### Problem to work on
Only those lines in the data below from the line containing "#116=IFCINDEXEDPOLYGONALFACE((3,4,8,7));" through the line containing "5950 x 1700',$,$,$,$,$,$,.WINDOW.,.SINGLE_PANEL.,$,$);", both included, should be restated word for word.

### Task inputs
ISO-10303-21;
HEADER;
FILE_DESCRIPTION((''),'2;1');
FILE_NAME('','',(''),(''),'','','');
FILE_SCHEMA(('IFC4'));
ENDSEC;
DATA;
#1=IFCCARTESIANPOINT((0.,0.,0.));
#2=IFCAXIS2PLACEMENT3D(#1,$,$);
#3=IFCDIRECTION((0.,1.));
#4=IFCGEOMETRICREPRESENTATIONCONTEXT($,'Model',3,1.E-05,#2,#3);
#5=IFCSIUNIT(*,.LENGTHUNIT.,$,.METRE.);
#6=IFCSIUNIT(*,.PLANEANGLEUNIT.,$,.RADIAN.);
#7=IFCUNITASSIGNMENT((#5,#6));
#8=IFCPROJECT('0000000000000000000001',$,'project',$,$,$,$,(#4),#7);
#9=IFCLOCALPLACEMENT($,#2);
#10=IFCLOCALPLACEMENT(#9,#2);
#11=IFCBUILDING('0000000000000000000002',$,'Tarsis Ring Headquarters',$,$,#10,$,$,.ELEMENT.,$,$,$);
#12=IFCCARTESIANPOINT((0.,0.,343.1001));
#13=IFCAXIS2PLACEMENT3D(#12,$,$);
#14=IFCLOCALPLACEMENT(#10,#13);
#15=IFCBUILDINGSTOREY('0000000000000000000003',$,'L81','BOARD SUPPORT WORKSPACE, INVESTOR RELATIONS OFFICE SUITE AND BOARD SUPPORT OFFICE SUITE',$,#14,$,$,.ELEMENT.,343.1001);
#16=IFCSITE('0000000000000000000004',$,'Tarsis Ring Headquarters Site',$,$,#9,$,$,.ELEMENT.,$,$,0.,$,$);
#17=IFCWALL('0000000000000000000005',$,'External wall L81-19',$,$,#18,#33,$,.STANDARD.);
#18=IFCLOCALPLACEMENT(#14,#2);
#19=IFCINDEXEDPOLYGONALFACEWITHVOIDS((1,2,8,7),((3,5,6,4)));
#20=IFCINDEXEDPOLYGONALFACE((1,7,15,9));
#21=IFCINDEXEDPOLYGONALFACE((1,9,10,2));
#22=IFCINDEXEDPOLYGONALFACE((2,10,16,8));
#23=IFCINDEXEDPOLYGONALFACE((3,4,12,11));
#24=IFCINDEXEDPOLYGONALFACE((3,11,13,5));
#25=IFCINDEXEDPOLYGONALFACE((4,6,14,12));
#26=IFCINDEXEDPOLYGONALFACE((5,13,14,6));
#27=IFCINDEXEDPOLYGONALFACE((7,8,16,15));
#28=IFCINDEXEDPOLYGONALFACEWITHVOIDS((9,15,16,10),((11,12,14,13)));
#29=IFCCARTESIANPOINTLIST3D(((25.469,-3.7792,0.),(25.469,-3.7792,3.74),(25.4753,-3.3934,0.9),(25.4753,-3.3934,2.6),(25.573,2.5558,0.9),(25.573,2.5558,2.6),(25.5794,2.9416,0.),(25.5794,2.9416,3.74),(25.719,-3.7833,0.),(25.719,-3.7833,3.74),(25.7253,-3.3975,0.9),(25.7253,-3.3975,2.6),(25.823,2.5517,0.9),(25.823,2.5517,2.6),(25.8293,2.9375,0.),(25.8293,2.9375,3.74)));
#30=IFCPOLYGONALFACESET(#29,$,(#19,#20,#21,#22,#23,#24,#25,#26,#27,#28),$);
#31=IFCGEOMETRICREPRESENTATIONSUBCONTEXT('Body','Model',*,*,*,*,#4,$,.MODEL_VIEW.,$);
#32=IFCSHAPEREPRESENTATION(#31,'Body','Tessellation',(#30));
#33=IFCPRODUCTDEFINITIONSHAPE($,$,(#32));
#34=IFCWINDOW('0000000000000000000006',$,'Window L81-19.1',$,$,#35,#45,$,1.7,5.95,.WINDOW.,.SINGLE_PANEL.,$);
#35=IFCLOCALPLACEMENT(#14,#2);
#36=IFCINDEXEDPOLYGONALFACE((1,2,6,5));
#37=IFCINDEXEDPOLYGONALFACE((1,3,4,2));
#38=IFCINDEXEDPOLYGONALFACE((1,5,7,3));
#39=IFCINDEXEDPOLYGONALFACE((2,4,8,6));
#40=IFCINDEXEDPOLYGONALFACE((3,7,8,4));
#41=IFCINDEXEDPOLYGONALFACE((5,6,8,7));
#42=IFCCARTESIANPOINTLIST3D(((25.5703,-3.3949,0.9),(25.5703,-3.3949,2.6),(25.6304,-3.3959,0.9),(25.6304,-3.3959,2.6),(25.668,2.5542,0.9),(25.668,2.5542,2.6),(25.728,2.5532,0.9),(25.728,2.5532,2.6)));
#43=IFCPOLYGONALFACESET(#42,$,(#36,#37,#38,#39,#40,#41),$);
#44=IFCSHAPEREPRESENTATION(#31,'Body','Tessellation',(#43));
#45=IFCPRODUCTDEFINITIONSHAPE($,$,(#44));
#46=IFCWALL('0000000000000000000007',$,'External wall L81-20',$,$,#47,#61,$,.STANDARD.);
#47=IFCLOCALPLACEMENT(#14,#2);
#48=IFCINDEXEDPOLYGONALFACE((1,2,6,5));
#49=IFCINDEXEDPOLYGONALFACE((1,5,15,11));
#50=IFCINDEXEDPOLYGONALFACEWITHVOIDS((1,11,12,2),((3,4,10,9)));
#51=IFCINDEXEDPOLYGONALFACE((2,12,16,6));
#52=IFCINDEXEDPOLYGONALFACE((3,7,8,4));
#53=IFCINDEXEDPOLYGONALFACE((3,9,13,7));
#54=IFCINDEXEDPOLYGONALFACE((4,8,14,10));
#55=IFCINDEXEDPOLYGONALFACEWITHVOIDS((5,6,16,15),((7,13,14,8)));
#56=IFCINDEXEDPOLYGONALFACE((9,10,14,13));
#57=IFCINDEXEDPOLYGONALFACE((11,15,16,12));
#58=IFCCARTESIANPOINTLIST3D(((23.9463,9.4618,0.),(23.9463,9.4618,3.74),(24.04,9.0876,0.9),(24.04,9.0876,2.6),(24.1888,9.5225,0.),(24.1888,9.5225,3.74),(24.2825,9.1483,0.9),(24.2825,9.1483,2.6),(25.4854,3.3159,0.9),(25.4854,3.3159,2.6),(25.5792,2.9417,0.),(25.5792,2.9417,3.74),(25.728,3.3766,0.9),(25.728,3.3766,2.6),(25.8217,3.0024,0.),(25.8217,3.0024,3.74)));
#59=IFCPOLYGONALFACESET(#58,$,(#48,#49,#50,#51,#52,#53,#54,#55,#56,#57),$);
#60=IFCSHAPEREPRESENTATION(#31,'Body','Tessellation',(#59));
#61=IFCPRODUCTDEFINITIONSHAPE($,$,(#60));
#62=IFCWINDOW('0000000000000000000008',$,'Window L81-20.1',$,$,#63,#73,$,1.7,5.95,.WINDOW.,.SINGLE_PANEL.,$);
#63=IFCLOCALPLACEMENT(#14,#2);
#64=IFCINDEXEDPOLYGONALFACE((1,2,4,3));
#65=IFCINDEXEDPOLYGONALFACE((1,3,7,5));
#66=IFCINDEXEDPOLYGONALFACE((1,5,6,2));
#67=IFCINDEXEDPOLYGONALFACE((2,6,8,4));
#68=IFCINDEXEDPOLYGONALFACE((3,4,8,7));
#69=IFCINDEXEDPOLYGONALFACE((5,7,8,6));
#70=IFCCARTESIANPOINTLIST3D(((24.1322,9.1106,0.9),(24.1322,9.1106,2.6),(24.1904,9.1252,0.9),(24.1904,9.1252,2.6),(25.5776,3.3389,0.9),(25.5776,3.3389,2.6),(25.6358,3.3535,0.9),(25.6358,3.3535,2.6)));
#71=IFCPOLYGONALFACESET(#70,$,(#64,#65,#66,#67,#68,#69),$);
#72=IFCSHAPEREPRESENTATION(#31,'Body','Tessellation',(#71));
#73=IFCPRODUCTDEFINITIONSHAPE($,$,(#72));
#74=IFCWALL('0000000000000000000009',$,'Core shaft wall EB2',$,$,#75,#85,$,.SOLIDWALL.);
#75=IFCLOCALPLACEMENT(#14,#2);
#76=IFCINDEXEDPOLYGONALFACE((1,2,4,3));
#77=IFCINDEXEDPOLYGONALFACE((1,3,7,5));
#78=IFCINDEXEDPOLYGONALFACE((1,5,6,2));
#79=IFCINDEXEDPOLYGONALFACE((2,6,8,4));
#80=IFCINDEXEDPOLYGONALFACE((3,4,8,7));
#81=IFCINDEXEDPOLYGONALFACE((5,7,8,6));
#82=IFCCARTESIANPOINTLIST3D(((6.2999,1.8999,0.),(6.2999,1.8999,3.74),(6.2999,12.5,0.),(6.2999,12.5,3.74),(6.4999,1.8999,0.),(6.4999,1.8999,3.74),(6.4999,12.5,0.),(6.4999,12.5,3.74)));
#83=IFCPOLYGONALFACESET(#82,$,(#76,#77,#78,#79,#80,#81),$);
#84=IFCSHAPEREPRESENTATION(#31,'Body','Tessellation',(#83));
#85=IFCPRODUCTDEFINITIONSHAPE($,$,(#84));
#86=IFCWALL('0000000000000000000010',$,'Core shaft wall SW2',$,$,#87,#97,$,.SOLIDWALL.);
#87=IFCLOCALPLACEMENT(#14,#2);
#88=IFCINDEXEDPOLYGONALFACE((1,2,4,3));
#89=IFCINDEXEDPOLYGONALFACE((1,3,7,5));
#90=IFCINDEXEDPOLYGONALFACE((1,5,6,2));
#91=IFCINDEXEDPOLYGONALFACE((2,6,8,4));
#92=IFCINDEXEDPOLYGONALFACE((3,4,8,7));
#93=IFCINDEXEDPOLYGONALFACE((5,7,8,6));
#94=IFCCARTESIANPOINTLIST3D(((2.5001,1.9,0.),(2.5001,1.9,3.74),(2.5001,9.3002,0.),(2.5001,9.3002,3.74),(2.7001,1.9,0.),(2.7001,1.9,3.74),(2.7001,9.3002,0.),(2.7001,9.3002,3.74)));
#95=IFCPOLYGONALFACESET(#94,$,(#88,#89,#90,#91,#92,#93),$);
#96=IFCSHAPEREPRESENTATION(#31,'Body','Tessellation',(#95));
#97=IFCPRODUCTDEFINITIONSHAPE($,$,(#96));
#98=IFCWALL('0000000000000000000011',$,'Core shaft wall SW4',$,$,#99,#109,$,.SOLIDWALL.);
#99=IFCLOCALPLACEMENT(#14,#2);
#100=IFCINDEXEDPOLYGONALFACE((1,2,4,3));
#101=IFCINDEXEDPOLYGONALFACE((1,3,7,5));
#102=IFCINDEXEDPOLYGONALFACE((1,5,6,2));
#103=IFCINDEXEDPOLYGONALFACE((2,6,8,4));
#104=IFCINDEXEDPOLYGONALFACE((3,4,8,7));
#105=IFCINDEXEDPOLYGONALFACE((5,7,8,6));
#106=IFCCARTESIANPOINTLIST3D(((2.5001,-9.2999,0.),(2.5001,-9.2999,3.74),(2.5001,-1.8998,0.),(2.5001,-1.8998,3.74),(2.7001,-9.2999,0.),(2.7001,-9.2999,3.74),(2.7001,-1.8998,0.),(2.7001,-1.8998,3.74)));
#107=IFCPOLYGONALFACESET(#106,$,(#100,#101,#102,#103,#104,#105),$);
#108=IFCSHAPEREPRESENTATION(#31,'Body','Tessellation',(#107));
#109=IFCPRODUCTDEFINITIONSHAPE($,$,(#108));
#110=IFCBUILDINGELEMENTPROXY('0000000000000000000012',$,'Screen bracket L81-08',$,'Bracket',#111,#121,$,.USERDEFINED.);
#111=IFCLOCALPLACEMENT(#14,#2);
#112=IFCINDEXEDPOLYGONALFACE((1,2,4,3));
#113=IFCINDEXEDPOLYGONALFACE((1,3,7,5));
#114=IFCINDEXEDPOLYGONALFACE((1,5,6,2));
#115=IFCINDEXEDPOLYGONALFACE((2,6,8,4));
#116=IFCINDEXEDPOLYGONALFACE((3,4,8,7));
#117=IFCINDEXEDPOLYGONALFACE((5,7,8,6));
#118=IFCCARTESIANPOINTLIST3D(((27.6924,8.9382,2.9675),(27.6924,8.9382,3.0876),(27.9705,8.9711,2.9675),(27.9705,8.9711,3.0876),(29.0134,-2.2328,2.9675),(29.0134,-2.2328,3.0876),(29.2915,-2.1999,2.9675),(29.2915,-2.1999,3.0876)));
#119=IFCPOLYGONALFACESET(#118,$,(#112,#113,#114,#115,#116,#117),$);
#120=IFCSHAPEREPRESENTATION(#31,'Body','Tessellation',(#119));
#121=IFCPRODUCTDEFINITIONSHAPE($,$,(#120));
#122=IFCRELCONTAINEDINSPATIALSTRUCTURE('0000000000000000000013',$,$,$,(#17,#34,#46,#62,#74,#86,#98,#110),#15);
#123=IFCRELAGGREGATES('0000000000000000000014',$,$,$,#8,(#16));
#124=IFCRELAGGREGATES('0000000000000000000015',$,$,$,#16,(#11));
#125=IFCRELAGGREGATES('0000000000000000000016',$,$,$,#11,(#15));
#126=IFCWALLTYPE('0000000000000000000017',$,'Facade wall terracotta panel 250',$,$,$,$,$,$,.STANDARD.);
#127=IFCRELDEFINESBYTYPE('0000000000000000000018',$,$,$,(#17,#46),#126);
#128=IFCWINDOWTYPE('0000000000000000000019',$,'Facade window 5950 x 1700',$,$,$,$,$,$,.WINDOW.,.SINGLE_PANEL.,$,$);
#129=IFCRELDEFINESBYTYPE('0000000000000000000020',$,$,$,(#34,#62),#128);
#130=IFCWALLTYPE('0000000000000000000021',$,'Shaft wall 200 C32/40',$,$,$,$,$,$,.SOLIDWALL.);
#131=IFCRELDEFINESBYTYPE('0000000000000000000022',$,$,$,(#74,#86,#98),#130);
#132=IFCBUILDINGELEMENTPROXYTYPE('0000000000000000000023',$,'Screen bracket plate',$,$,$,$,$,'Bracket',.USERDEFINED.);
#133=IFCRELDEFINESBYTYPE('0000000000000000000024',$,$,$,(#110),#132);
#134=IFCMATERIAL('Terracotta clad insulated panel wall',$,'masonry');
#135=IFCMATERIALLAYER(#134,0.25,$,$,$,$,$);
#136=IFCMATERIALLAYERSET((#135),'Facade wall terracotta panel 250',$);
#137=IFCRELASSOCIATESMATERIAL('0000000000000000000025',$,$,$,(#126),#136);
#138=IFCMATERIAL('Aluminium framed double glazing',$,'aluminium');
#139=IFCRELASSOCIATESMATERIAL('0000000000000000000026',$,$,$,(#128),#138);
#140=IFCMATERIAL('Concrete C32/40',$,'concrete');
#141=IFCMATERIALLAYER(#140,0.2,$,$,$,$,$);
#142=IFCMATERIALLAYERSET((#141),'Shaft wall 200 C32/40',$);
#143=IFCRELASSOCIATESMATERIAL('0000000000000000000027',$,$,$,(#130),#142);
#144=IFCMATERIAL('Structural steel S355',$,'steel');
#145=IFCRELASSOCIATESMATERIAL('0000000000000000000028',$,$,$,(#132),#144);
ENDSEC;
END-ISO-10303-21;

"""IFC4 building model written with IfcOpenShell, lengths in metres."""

from ifc_helpers import new_model, si_unit, direction, frame, frame_2d, origin, origin_2d, place, context, subcontext, project, spatial, rectangle, extrude, material, layer, layer_set, type_object, element, fill, save


model = new_model("IFC4")

# Units and contexts
model_context = context("Model", 3, precision=1e-05, world=origin(), true_north=direction((0.0, 1.0)))
body_context = subcontext(model_context, "Body", "Model", "MODEL_VIEW")
ifc_project = project(units=[si_unit("LENGTHUNIT", "METRE"), si_unit("PLANEANGLEUNIT", "RADIAN")], contexts=[model_context])

# Site, building, storey
site_placement = place(None, origin())
site = spatial("IfcSite", under=ifc_project, at=site_placement, Name="Tarsis Ring Headquarters Site", CompositionType="ELEMENT", RefElevation=0.0)
building_placement = place(site_placement, origin())
building = spatial("IfcBuilding", under=site, at=building_placement, Name="Tarsis Ring Headquarters", CompositionType="ELEMENT")
storey_placement = place(building_placement, frame((0.0, 0.0, 343.1001)))
storey = spatial("IfcBuildingStorey", under=building, at=storey_placement, Name="L81", Description="BOARD SUPPORT WORKSPACE, INVESTOR RELATIONS OFFICE SUITE AND BOARD SUPPORT OFFICE SUITE", CompositionType="ELEMENT", Elevation=343.1001)

# Shared definitions
ifc_material_1 = material(Name="Structural steel S355", Category="steel")

# Walls, openings, windows
ifc_material_2 = material(Name="Terracotta clad insulated panel wall", Category="masonry")
ifc_layer_1 = layer(ifc_material_2, 0.25)
ifc_layer_set_1 = layer_set([ifc_layer_1], Name="Facade wall terracotta panel 250")
wall_type_1 = type_object("IfcWallType", Name="Facade wall terracotta panel 250", PredefinedType="STANDARD", material=ifc_layer_set_1)
ifc_material_3 = material(Name="Aluminium framed double glazing", Category="aluminium")
window_type = type_object("IfcWindowType", Name="Facade window 5950 x 1700", PartitioningType="SINGLE_PANEL", PredefinedType="WINDOW", material=ifc_material_3)
wall_1_placement = place(storey_placement, frame((25.594, -3.7812, 0.0), z_axis=(0.0, 0.0, 1.0), x_axis=(0.016417, 0.999865, 0.0)))
wall_1 = element("IfcWall", 1, at=wall_1_placement, inside=storey, type_object=wall_type_1, Name="External wall L81-19", PredefinedType="STANDARD", context=body_context, shape_type="SweptSolid", body=[
    extrude(rectangle(XDim=6.7217, YDim=0.25, at=frame_2d((3.3608, 0.0))), origin(), (0.0, 0.0, 1.0), 3.74),
])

### Answer to the exercise
#116=IFCINDEXEDPOLYGONALFACE((3,4,8,7));
#117=IFCINDEXEDPOLYGONALFACE((5,7,8,6));
#118=IFCCARTESIANPOINTLIST3D(((27.6924,8.9382,2.9675),(27.6924,8.9382,3.0876),(27.9705,8.9711,2.9675),(27.9705,8.9711,3.0876),(29.0134,-2.2328,2.9675),(29.0134,-2.2328,3.0876),(29.2915,-2.1999,2.9675),(29.2915,-2.1999,3.0876)));
#119=IFCPOLYGONALFACESET(#118,$,(#112,#113,#114,#115,#116,#117),$);
#120=IFCSHAPEREPRESENTATION(#31,'Body','Tessellation',(#119));
#121=IFCPRODUCTDEFINITIONSHAPE($,$,(#120));
#122=IFCRELCONTAINEDINSPATIALSTRUCTURE('0000000000000000000013',$,$,$,(#17,#34,#46,#62,#74,#86,#98,#110),#15);
#123=IFCRELAGGREGATES('0000000000000000000014',$,$,$,#8,(#16));
#124=IFCRELAGGREGATES('0000000000000000000015',$,$,$,#16,(#11));
#125=IFCRELAGGREGATES('0000000000000000000016',$,$,$,#11,(#15));
#126=IFCWALLTYPE('0000000000000000000017',$,'Facade wall terracotta panel 250',$,$,$,$,$,$,.STANDARD.);
#127=IFCRELDEFINESBYTYPE('0000000000000000000018',$,$,$,(#17,#46),#126);
#128=IFCWINDOWTYPE('0000000000000000000019',$,'Facade window 5950 x 1700',$,$,$,$,$,$,.WINDOW.,.SINGLE_PANEL.,$,$);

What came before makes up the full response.